What is being asked
Print every record below exactly as written.

##### Information shown

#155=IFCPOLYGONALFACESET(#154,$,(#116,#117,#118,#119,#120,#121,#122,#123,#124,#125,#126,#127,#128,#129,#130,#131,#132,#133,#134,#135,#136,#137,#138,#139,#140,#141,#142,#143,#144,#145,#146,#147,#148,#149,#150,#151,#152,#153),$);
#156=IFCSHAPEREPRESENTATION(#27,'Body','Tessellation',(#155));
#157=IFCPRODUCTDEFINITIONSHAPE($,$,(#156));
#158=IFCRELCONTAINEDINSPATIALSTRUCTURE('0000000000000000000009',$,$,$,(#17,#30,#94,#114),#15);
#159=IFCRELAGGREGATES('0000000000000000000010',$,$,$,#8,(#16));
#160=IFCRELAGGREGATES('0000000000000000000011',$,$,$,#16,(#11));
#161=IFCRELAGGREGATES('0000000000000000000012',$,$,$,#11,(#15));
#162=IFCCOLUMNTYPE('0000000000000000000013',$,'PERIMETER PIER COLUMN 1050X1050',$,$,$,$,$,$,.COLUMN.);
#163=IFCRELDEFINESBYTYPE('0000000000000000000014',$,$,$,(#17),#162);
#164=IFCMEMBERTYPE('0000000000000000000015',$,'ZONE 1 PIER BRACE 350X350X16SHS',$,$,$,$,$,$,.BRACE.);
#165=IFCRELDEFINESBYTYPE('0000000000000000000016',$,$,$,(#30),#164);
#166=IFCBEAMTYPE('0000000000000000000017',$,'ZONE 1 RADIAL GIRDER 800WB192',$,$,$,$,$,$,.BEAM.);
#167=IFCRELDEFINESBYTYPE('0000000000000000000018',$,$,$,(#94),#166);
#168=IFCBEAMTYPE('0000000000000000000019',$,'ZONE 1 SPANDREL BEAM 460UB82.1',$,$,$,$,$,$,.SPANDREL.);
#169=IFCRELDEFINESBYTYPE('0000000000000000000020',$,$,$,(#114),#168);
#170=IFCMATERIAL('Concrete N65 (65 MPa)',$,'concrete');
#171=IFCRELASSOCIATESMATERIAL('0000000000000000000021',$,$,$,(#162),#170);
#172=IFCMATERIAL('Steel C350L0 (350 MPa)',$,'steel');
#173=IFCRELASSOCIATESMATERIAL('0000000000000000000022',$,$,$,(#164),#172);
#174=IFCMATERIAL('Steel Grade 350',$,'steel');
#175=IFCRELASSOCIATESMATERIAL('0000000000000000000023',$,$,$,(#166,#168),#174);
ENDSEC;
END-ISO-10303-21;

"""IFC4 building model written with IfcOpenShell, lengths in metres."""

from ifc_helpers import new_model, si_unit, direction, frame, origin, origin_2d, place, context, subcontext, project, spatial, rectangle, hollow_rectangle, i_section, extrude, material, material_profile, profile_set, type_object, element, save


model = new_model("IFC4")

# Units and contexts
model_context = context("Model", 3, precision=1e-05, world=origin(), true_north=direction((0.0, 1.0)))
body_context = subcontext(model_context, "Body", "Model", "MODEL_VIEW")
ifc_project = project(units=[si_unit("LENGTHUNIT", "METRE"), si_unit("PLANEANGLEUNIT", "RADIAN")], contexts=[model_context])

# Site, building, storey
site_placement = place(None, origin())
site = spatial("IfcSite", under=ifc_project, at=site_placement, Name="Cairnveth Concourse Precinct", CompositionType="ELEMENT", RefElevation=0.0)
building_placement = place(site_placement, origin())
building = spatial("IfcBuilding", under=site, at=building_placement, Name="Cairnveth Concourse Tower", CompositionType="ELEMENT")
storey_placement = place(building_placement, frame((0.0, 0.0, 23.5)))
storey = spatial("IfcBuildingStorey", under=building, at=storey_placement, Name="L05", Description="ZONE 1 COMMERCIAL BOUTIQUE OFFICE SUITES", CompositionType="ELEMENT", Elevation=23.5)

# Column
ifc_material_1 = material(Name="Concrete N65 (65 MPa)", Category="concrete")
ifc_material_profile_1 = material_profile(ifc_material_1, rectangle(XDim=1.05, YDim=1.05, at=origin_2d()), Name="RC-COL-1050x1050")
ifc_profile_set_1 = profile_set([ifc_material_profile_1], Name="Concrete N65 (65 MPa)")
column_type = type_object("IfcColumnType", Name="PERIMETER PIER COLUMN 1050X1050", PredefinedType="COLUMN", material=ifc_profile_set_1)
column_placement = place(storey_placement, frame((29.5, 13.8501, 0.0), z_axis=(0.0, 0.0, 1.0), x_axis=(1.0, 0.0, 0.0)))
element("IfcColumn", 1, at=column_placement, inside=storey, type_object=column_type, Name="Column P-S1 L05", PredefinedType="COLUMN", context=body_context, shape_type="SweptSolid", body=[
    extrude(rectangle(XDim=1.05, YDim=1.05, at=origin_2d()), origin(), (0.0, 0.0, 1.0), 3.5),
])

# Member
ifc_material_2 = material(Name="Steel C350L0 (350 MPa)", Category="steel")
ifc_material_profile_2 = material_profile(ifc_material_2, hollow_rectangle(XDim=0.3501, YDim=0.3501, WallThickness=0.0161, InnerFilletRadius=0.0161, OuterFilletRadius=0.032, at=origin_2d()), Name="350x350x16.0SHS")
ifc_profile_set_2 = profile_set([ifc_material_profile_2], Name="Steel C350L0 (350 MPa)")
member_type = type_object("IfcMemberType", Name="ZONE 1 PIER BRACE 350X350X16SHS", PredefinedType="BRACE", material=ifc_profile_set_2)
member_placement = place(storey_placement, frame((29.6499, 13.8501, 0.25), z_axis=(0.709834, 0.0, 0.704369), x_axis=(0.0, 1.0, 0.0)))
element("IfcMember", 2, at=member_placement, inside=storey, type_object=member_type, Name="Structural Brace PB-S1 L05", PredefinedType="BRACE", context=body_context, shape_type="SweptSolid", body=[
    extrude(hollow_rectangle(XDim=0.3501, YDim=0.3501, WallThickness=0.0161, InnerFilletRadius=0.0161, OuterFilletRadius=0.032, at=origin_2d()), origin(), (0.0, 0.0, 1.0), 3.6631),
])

##########

Task result
#155=IFCPOLYGONALFACESET(#154,$,(#116,#117,#118,#119,#120,#121,#122,#123,#124,#125,#126,#127,#128,#129,#130,#131,#132,#133,#134,#135,#136,#137,#138,#139,#140,#141,#142,#143,#144,#145,#146,#147,#148,#149,#150,#151,#152,#153),$);
#156=IFCSHAPEREPRESENTATION(#27,'Body','Tessellation',(#155));
#157=IFCPRODUCTDEFINITIONSHAPE($,$,(#156));
#158=IFCRELCONTAINEDINSPATIALSTRUCTURE('0000000000000000000009',$,$,$,(#17,#30,#94,#114),#15);
#159=IFCRELAGGREGATES('0000000000000000000010',$,$,$,#8,(#16));
#160=IFCRELAGGREGATES('0000000000000000000011',$,$,$,#16,(#11));
#161=IFCRELAGGREGATES('0000000000000000000012',$,$,$,#11,(#15));
#162=IFCCOLUMNTYPE('0000000000000000000013',$,'PERIMETER PIER COLUMN 1050X1050',$,$,$,$,$,$,.COLUMN.);
#163=IFCRELDEFINESBYTYPE('0000000000000000000014',$,$,$,(#17),#162);
#164=IFCMEMBERTYPE('0000000000000000000015',$,'ZONE 1 PIER BRACE 350X350X16SHS',$,$,$,$,$,$,.BRACE.);
#165=IFCRELDEFINESBYTYPE('0000000000000000000016',$,$,$,(#30),#164);
#166=IFCBEAMTYPE('0000000000000000000017',$,'ZONE 1 RADIAL GIRDER 800WB192',$,$,$,$,$,$,.BEAM.);
#167=IFCRELDEFINESBYTYPE('0000000000000000000018',$,$,$,(#94),#166);
#168=IFCBEAMTYPE('0000000000000000000019',$,'ZONE 1 SPANDREL BEAM 460UB82.1',$,$,$,$,$,$,.SPANDREL.);
#169=IFCRELDEFINESBYTYPE('0000000000000000000020',$,$,$,(#114),#168);
#170=IFCMATERIAL('Concrete N65 (65 MPa)',$,'concrete');
#171=IFCRELASSOCIATESMATERIAL('0000000000000000000021',$,$,$,(#162),#170);
#172=IFCMATERIAL('Steel C350L0 (350 MPa)',$,'steel');
#173=IFCRELASSOCIATESMATERIAL('0000000000000000000022',$,$,$,(#164),#172);
#174=IFCMATERIAL('Steel Grade 350',$,'steel');
#175=IFCRELASSOCIATESMATERIAL('0000000000000000000023',$,$,$,(#166,#168),#174);
ENDSEC;
END-ISO-10303-21;

"""IFC4 building model written with IfcOpenShell, lengths in metres."""

from ifc_helpers import new_model, si_unit, direction, frame, origin, origin_2d, place, context, subcontext, project, spatial, rectangle, hollow_rectangle, i_section, extrude, material, material_profile, profile_set, type_object, element, save


model = new_model("IFC4")

# Units and contexts
model_context = context("Model", 3, precision=1e-05, world=origin(), true_north=direction((0.0, 1.0)))
body_context = subcontext(model_context, "Body", "Model", "MODEL_VIEW")
ifc_project = project(units=[si_unit("LENGTHUNIT", "METRE"), si_unit("PLANEANGLEUNIT", "RADIAN")], contexts=[model_context])

# Site, building, storey
site_placement = place(None, origin())
site = spatial("IfcSite", under=ifc_project, at=site_placement, Name="Cairnveth Concourse Precinct", CompositionType="ELEMENT", RefElevation=0.0)
building_placement = place(site_placement, origin())
building = spatial("IfcBuilding", under=site, at=building_placement, Name="Cairnveth Concourse Tower", CompositionType="ELEMENT")
storey_placement = place(building_placement, frame((0.0, 0.0, 23.5)))
storey = spatial("IfcBuildingStorey", under=building, at=storey_placement, Name="L05", Description="ZONE 1 COMMERCIAL BOUTIQUE OFFICE SUITES", CompositionType="ELEMENT", Elevation=23.5)

# Column
ifc_material_1 = material(Name="Concrete N65 (65 MPa)", Category="concrete")
ifc_material_profile_1 = material_profile(ifc_material_1, rectangle(XDim=1.05, YDim=1.05, at=origin_2d()), Name="RC-COL-1050x1050")
ifc_profile_set_1 = profile_set([ifc_material_profile_1], Name="Concrete N65 (65 MPa)")
column_type = type_object("IfcColumnType", Name="PERIMETER PIER COLUMN 1050X1050", PredefinedType="COLUMN", material=ifc_profile_set_1)
column_placement = place(storey_placement, frame((29.5, 13.8501, 0.0), z_axis=(0.0, 0.0, 1.0), x_axis=(1.0, 0.0, 0.0)))
element("IfcColumn", 1, at=column_placement, inside=storey, type_object=column_type, Name="Column P-S1 L05", PredefinedType="COLUMN", context=body_context, shape_type="SweptSolid", body=[
    extrude(rectangle(XDim=1.05, YDim=1.05, at=origin_2d()), origin(), (0.0, 0.0, 1.0), 3.5),
])

# Member
ifc_material_2 = material(Name="Steel C350L0 (350 MPa)", Category="steel")
ifc_material_profile_2 = material_profile(ifc_material_2, hollow_rectangle(XDim=0.3501, YDim=0.3501, WallThickness=0.0161, InnerFilletRadius=0.0161, OuterFilletRadius=0.032, at=origin_2d()), Name="350x350x16.0SHS")
ifc_profile_set_2 = profile_set([ifc_material_profile_2], Name="Steel C350L0 (350 MPa)")
member_type = type_object("IfcMemberType", Name="ZONE 1 PIER BRACE 350X350X16SHS", PredefinedType="BRACE", material=ifc_profile_set_2)
member_placement = place(storey_placement, frame((29.6499, 13.8501, 0.25), z_axis=(0.709834, 0.0, 0.704369), x_axis=(0.0, 1.0, 0.0)))
element("IfcMember", 2, at=member_placement, inside=storey, type_object=member_type, Name="Structural Brace PB-S1 L05", PredefinedType="BRACE", context=body_context, shape_type="SweptSolid", body=[
    extrude(hollow_rectangle(XDim=0.3501, YDim=0.3501, WallThickness=0.0161, InnerFilletRadius=0.0161, OuterFilletRadius=0.032, at=origin_2d()), origin(), (0.0, 0.0, 1.0), 3.6631),
])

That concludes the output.